For the records below, give the number of lines in which "Convention" appears, and add nothing else.

(Records supplied begins)

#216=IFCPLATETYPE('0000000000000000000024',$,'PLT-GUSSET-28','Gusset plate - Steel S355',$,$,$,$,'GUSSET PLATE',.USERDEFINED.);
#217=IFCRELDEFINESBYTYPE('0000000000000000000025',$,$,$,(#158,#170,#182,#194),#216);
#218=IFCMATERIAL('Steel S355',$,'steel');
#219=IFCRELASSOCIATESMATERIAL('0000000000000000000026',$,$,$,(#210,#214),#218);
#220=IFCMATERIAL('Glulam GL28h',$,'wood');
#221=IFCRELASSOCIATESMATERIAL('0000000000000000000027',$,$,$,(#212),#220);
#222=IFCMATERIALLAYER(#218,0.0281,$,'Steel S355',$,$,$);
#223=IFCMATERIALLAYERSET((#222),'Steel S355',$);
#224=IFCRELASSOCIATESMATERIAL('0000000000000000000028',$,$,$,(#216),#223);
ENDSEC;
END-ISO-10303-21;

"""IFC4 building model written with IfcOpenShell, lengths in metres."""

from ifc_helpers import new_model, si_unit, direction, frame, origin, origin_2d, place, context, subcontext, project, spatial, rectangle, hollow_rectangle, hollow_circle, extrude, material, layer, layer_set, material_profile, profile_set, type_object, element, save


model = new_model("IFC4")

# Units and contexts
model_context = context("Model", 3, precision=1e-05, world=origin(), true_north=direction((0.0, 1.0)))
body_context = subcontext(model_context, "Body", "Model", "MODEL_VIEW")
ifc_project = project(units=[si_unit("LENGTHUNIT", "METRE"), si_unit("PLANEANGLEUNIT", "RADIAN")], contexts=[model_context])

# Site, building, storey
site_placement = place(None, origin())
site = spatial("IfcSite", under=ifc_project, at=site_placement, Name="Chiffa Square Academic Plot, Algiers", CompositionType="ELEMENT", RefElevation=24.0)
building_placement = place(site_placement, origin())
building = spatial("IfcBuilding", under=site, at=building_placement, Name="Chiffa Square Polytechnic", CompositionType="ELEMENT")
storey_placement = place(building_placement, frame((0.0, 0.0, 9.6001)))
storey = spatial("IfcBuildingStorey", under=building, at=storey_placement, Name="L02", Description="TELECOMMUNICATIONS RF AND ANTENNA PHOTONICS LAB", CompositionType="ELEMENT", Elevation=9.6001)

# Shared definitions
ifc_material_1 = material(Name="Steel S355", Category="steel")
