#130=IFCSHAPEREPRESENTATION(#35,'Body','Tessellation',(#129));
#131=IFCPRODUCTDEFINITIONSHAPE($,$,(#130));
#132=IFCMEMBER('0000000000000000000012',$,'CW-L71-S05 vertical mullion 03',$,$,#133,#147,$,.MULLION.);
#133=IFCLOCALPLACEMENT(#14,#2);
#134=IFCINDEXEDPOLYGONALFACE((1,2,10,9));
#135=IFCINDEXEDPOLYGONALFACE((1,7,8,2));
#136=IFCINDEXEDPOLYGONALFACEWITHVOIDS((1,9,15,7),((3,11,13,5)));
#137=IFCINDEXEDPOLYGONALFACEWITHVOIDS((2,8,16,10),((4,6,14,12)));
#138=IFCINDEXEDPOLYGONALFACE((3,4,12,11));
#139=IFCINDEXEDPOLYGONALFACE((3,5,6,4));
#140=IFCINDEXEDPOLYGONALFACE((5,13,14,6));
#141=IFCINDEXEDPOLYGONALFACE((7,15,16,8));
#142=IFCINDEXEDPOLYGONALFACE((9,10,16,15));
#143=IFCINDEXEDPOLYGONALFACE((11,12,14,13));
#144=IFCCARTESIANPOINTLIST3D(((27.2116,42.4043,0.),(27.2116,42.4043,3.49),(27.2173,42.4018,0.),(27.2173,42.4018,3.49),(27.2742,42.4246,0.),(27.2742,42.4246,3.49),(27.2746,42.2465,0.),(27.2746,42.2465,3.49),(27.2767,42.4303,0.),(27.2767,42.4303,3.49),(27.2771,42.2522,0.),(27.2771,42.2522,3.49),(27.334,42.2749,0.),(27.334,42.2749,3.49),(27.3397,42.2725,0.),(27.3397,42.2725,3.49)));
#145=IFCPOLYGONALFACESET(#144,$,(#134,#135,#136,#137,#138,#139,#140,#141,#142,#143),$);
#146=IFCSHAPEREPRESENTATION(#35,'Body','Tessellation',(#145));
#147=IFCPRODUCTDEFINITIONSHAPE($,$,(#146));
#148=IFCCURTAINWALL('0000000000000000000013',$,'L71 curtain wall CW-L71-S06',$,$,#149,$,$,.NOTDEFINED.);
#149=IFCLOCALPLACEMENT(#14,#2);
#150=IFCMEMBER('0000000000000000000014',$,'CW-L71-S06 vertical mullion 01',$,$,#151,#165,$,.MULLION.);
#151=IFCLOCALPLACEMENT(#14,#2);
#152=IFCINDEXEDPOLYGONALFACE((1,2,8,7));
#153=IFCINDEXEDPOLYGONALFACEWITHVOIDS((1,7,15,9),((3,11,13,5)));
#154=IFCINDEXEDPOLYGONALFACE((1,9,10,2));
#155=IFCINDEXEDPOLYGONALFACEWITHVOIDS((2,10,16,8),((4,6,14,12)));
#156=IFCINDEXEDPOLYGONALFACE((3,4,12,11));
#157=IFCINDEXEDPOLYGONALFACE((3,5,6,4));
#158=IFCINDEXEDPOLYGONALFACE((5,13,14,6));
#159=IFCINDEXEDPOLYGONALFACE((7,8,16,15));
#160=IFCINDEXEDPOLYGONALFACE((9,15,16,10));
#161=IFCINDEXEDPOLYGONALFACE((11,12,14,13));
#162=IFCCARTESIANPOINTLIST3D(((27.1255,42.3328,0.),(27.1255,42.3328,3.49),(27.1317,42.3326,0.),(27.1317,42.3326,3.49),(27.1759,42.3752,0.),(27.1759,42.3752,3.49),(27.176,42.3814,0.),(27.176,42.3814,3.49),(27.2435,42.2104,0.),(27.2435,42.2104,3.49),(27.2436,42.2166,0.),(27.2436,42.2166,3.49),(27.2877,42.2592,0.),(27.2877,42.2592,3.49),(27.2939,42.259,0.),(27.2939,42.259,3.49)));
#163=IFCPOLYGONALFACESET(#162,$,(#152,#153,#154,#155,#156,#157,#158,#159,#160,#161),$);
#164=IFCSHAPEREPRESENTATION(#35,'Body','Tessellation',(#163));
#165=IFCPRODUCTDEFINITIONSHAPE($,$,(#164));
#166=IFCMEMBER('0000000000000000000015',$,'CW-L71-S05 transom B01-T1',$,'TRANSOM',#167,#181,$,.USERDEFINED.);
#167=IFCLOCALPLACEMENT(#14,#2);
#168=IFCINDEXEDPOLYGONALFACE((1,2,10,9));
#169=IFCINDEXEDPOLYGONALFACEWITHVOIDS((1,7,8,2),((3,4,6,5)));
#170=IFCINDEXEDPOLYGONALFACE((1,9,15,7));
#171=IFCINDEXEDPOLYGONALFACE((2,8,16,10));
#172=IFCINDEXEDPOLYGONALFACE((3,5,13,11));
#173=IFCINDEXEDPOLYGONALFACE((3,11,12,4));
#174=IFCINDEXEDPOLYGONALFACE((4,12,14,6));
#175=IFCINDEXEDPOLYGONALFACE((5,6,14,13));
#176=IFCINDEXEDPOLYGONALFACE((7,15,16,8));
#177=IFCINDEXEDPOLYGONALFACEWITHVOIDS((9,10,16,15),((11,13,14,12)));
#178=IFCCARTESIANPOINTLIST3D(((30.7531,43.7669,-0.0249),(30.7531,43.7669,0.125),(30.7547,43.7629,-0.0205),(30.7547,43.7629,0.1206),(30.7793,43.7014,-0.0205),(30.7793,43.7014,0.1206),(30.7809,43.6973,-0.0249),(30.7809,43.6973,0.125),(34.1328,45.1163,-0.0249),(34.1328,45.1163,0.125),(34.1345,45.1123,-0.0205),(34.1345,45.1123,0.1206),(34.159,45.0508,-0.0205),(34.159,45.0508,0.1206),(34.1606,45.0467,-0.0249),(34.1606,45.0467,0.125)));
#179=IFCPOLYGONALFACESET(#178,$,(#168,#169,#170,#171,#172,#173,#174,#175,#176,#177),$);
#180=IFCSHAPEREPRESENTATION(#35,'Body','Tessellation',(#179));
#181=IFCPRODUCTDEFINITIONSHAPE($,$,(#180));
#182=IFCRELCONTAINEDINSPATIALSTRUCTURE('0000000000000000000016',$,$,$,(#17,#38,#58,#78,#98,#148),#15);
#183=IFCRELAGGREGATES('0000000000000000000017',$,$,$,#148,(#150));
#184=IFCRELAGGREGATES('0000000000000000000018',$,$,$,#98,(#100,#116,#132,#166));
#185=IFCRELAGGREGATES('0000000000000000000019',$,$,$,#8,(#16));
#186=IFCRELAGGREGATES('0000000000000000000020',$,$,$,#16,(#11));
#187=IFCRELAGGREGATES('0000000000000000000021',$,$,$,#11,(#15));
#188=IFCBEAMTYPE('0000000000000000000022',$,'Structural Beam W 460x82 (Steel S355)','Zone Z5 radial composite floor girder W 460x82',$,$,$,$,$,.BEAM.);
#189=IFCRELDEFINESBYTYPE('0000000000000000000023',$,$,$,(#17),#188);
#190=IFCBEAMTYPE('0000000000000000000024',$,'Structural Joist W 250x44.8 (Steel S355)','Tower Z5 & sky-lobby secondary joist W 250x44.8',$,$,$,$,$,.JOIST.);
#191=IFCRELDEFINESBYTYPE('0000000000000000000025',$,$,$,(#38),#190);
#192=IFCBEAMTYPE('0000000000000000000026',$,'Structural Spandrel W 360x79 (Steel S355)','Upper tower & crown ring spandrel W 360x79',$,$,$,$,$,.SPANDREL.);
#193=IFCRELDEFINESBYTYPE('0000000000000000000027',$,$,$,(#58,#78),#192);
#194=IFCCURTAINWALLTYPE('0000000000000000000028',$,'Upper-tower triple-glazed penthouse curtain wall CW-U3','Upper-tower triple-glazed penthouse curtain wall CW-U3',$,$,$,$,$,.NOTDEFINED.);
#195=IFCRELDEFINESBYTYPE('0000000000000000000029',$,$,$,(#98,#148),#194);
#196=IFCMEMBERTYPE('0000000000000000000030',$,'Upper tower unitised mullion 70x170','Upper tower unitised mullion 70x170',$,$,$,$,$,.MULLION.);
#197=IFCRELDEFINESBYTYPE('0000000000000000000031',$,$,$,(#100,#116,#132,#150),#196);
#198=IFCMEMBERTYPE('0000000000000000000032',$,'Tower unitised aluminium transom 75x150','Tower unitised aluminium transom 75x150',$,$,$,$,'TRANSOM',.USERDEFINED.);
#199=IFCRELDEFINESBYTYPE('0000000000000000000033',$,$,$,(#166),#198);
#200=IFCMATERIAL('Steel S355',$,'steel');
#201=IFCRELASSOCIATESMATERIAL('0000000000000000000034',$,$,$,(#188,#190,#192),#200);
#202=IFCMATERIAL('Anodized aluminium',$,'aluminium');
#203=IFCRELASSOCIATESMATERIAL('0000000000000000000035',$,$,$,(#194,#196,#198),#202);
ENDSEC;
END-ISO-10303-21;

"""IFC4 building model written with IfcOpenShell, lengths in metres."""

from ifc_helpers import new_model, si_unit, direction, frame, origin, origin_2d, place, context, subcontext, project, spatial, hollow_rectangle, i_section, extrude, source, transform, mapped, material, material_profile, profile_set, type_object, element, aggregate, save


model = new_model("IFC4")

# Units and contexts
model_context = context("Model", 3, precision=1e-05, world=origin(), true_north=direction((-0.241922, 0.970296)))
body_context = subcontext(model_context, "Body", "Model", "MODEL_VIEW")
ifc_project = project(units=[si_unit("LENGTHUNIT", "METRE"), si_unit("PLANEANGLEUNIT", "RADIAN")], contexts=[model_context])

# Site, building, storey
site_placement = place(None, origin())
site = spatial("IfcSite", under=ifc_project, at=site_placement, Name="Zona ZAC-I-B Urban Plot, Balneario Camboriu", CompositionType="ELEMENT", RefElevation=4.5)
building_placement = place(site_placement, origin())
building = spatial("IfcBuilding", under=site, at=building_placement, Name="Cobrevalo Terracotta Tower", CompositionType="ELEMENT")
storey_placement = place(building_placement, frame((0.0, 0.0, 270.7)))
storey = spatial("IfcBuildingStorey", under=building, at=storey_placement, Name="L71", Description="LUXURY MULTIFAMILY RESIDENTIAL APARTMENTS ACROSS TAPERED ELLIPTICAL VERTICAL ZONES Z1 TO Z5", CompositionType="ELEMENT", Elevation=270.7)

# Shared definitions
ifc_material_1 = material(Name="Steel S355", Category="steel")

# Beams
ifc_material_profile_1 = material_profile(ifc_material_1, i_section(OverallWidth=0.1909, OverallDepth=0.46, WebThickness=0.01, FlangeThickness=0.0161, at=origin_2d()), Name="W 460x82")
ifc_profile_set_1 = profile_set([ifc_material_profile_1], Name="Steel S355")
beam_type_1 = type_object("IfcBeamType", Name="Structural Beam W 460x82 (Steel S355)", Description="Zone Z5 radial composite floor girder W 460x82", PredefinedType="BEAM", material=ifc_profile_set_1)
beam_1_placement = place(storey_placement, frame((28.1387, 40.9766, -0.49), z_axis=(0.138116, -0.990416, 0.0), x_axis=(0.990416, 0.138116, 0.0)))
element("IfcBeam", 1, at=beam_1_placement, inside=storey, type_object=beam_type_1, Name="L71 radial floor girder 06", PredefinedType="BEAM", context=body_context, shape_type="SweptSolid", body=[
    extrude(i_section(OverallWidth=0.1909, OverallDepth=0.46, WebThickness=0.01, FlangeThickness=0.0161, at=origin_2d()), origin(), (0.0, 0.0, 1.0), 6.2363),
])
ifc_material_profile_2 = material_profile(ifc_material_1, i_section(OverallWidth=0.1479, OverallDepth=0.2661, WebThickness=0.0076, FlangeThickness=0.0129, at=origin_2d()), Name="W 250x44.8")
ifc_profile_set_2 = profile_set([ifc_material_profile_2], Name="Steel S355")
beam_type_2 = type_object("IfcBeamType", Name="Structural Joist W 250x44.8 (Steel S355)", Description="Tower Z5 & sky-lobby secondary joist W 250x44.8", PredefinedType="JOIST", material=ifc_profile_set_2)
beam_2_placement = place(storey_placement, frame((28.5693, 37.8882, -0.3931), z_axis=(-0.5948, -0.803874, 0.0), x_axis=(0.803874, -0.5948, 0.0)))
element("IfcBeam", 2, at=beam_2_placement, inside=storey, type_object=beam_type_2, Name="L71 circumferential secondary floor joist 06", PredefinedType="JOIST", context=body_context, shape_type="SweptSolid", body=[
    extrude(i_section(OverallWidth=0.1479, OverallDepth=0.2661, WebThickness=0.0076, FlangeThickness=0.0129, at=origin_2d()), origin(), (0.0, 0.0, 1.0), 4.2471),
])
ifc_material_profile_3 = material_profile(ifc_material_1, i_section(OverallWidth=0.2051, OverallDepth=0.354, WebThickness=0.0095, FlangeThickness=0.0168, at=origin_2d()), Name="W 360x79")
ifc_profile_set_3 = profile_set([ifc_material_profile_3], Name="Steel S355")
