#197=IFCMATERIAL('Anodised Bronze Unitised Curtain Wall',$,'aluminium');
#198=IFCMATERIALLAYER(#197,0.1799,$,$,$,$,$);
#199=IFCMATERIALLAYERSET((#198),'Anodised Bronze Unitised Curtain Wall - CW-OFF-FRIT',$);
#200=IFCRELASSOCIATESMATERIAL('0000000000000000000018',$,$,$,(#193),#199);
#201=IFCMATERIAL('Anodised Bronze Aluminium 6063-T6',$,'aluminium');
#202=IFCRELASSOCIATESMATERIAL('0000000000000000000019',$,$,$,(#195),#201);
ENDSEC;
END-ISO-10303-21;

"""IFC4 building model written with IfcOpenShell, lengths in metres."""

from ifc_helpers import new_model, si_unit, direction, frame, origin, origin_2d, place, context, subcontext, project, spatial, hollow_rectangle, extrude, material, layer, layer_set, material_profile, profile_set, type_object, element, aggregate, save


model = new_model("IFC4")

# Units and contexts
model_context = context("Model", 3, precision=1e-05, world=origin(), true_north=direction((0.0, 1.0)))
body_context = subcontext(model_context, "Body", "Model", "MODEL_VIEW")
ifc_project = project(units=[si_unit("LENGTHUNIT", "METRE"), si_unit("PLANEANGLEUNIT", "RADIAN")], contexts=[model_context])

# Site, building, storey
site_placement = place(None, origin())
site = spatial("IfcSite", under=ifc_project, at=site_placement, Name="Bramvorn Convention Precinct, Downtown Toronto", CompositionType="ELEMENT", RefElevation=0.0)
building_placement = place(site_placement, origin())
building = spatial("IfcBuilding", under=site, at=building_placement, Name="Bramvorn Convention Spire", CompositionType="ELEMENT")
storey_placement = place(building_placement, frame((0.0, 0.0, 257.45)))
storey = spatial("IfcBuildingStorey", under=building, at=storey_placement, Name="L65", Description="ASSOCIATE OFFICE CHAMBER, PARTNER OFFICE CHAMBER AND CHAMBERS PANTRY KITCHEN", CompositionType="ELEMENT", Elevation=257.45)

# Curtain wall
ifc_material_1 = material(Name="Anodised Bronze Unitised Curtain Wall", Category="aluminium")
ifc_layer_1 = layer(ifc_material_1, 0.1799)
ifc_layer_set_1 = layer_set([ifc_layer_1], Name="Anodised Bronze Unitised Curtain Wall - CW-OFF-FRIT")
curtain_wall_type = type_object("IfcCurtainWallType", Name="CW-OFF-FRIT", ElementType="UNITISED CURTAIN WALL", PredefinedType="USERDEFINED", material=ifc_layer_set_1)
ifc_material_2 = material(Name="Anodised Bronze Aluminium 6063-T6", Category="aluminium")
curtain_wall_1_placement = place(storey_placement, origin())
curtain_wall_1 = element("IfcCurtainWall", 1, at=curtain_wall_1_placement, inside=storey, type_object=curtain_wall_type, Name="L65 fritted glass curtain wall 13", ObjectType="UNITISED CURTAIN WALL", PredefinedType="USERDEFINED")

(Records supplied ends)

Result
2